Could you set down exactly the lines of the data below, starting at the one that holds "#160=IFCINDEXEDPOLYGONALFACE((23,27,28,24));" and ending at the one that holds "#181=IFCINDEXEDPOLYGONALFACE((65,66,68,67));", both included, and only those?

Entries shown START

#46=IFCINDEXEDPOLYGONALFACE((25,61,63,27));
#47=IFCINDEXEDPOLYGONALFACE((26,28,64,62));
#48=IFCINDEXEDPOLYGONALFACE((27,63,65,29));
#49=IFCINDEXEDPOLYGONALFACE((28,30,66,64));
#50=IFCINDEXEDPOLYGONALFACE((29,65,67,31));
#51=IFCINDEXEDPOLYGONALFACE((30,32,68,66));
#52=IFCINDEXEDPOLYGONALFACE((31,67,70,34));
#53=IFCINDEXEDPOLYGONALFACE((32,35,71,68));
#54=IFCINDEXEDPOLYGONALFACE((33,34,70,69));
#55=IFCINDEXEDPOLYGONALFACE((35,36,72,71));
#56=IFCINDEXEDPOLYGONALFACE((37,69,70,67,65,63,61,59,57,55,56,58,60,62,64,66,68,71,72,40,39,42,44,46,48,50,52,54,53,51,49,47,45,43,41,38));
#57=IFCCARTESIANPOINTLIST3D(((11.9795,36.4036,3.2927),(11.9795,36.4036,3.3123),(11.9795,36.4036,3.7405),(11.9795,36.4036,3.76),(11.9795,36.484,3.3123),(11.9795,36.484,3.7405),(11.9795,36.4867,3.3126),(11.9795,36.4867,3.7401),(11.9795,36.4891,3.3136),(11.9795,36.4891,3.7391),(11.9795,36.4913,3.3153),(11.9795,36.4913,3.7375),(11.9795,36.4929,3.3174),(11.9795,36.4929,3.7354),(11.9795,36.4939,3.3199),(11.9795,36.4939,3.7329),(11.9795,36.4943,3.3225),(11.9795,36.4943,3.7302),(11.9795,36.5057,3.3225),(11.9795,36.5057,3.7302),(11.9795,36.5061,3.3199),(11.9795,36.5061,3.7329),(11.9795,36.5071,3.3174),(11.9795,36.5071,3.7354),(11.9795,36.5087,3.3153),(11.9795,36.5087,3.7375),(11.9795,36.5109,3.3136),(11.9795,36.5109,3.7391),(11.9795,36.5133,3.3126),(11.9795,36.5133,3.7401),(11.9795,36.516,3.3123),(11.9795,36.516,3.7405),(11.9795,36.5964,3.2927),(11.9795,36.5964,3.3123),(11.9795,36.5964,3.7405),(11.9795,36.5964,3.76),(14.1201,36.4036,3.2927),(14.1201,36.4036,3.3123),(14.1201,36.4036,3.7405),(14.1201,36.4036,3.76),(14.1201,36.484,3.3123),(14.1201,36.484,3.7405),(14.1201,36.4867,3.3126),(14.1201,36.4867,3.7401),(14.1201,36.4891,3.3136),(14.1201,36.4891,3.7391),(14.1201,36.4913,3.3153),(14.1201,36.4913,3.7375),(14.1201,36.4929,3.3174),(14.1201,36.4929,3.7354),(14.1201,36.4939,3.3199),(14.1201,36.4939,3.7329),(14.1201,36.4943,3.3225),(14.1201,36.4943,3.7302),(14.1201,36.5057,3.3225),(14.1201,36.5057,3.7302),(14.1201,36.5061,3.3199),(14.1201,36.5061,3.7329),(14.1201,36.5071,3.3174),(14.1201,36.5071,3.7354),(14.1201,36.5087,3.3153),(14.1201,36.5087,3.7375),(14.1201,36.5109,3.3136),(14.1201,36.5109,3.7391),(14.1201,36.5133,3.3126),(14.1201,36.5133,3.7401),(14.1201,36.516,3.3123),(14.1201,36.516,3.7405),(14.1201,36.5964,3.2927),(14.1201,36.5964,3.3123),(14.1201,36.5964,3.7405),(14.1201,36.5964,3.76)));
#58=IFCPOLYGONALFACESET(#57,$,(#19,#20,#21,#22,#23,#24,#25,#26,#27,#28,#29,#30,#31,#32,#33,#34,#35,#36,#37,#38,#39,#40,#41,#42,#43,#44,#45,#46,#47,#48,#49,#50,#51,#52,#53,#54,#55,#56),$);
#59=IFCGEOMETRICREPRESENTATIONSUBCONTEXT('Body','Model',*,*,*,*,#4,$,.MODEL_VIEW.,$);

Entries shown END
Entries shown START

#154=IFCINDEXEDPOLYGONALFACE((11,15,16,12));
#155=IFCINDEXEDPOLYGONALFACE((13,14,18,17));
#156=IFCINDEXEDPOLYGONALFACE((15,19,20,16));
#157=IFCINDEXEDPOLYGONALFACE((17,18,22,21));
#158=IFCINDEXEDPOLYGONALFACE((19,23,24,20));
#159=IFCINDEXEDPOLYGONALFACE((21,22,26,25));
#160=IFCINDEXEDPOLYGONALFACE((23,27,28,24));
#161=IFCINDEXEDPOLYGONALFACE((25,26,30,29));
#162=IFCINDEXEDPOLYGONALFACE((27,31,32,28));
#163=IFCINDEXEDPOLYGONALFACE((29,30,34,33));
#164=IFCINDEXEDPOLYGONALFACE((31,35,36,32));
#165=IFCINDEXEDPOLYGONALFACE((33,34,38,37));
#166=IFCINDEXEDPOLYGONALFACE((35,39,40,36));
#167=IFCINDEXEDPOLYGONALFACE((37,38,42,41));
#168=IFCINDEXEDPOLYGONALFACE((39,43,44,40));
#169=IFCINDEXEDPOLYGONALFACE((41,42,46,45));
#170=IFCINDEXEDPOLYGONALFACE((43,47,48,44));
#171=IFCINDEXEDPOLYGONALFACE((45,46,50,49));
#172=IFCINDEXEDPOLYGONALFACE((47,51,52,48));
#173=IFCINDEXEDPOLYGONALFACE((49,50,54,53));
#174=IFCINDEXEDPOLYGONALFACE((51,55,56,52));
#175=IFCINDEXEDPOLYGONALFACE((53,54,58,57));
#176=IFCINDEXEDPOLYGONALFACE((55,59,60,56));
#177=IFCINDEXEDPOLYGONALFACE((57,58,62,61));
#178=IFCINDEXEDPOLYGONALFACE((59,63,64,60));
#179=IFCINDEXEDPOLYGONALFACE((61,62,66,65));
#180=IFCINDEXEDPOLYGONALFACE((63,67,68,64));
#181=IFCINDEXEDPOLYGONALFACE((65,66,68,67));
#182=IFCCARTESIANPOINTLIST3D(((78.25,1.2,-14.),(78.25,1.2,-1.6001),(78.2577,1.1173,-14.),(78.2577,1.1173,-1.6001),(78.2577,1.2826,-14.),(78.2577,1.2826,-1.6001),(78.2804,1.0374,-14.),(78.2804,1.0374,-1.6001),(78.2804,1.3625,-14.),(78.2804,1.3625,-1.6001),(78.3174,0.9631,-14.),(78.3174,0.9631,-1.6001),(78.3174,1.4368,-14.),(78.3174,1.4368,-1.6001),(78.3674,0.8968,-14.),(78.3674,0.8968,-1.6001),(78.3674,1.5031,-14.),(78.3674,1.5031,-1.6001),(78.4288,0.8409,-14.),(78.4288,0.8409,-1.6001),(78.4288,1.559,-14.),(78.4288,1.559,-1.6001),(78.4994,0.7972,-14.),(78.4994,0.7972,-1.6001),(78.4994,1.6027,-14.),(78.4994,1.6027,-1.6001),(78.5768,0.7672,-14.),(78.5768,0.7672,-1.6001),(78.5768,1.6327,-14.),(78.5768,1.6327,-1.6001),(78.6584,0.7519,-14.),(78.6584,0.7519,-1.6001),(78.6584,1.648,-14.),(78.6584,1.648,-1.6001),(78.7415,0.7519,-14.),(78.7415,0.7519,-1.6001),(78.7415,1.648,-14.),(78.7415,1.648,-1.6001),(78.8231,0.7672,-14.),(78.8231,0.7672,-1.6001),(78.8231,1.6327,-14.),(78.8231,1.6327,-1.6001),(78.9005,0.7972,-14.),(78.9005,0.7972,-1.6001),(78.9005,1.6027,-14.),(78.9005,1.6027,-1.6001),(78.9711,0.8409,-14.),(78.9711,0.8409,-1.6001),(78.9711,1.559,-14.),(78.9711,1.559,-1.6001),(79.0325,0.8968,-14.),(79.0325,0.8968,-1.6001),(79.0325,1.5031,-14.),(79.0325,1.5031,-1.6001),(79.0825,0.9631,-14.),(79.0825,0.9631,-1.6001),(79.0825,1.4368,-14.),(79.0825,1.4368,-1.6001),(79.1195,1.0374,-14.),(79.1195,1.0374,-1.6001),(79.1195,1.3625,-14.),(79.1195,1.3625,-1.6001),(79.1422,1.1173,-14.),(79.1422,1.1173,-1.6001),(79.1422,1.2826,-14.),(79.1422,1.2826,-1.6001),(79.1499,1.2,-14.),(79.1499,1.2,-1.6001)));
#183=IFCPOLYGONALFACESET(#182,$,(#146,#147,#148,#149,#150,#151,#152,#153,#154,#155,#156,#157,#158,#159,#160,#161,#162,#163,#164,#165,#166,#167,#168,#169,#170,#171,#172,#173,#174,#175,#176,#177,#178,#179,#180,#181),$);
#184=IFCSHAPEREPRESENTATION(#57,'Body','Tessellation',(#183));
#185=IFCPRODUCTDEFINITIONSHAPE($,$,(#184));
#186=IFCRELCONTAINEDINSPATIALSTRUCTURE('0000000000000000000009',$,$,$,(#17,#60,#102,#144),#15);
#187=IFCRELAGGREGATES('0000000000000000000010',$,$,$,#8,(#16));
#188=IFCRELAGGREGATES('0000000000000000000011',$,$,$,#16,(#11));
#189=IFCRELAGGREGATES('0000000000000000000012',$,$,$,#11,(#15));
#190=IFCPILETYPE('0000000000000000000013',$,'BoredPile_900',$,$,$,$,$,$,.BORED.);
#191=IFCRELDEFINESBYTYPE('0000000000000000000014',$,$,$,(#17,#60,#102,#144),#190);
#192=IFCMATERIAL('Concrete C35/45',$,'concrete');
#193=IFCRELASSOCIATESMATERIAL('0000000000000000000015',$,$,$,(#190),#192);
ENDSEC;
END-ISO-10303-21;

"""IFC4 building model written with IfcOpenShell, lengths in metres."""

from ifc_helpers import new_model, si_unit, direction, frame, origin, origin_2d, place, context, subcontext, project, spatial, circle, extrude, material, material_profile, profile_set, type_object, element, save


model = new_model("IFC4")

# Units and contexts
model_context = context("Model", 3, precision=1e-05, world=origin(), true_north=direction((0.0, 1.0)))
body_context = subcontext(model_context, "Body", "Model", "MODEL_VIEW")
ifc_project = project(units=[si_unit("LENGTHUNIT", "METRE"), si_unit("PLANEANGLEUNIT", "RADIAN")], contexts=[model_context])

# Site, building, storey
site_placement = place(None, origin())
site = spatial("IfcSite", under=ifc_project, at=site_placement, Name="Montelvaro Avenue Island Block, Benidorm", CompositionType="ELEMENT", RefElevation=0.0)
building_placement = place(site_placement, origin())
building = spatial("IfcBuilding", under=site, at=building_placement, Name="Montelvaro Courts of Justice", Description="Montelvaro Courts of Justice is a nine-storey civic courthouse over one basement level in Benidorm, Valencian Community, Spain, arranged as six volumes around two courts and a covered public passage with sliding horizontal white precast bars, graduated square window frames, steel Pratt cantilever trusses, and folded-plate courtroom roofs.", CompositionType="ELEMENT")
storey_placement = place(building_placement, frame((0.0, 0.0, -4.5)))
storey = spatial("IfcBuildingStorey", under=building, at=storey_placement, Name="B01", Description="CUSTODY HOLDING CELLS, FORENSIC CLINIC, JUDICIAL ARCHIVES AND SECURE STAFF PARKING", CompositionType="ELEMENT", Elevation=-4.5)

Entries shown END

• Answer box:
#160=IFCINDEXEDPOLYGONALFACE((23,27,28,24));
#161=IFCINDEXEDPOLYGONALFACE((25,26,30,29));
#162=IFCINDEXEDPOLYGONALFACE((27,31,32,28));
#163=IFCINDEXEDPOLYGONALFACE((29,30,34,33));
#164=IFCINDEXEDPOLYGONALFACE((31,35,36,32));
#165=IFCINDEXEDPOLYGONALFACE((33,34,38,37));
#166=IFCINDEXEDPOLYGONALFACE((35,39,40,36));
#167=IFCINDEXEDPOLYGONALFACE((37,38,42,41));
#168=IFCINDEXEDPOLYGONALFACE((39,43,44,40));
#169=IFCINDEXEDPOLYGONALFACE((41,42,46,45));
#170=IFCINDEXEDPOLYGONALFACE((43,47,48,44));
#171=IFCINDEXEDPOLYGONALFACE((45,46,50,49));
#172=IFCINDEXEDPOLYGONALFACE((47,51,52,48));
#173=IFCINDEXEDPOLYGONALFACE((49,50,54,53));
#174=IFCINDEXEDPOLYGONALFACE((51,55,56,52));
#175=IFCINDEXEDPOLYGONALFACE((53,54,58,57));
#176=IFCINDEXEDPOLYGONALFACE((55,59,60,56));
#177=IFCINDEXEDPOLYGONALFACE((57,58,62,61));
#178=IFCINDEXEDPOLYGONALFACE((59,63,64,60));
#179=IFCINDEXEDPOLYGONALFACE((61,62,66,65));
#180=IFCINDEXEDPOLYGONALFACE((63,67,68,64));
#181=IFCINDEXEDPOLYGONALFACE((65,66,68,67));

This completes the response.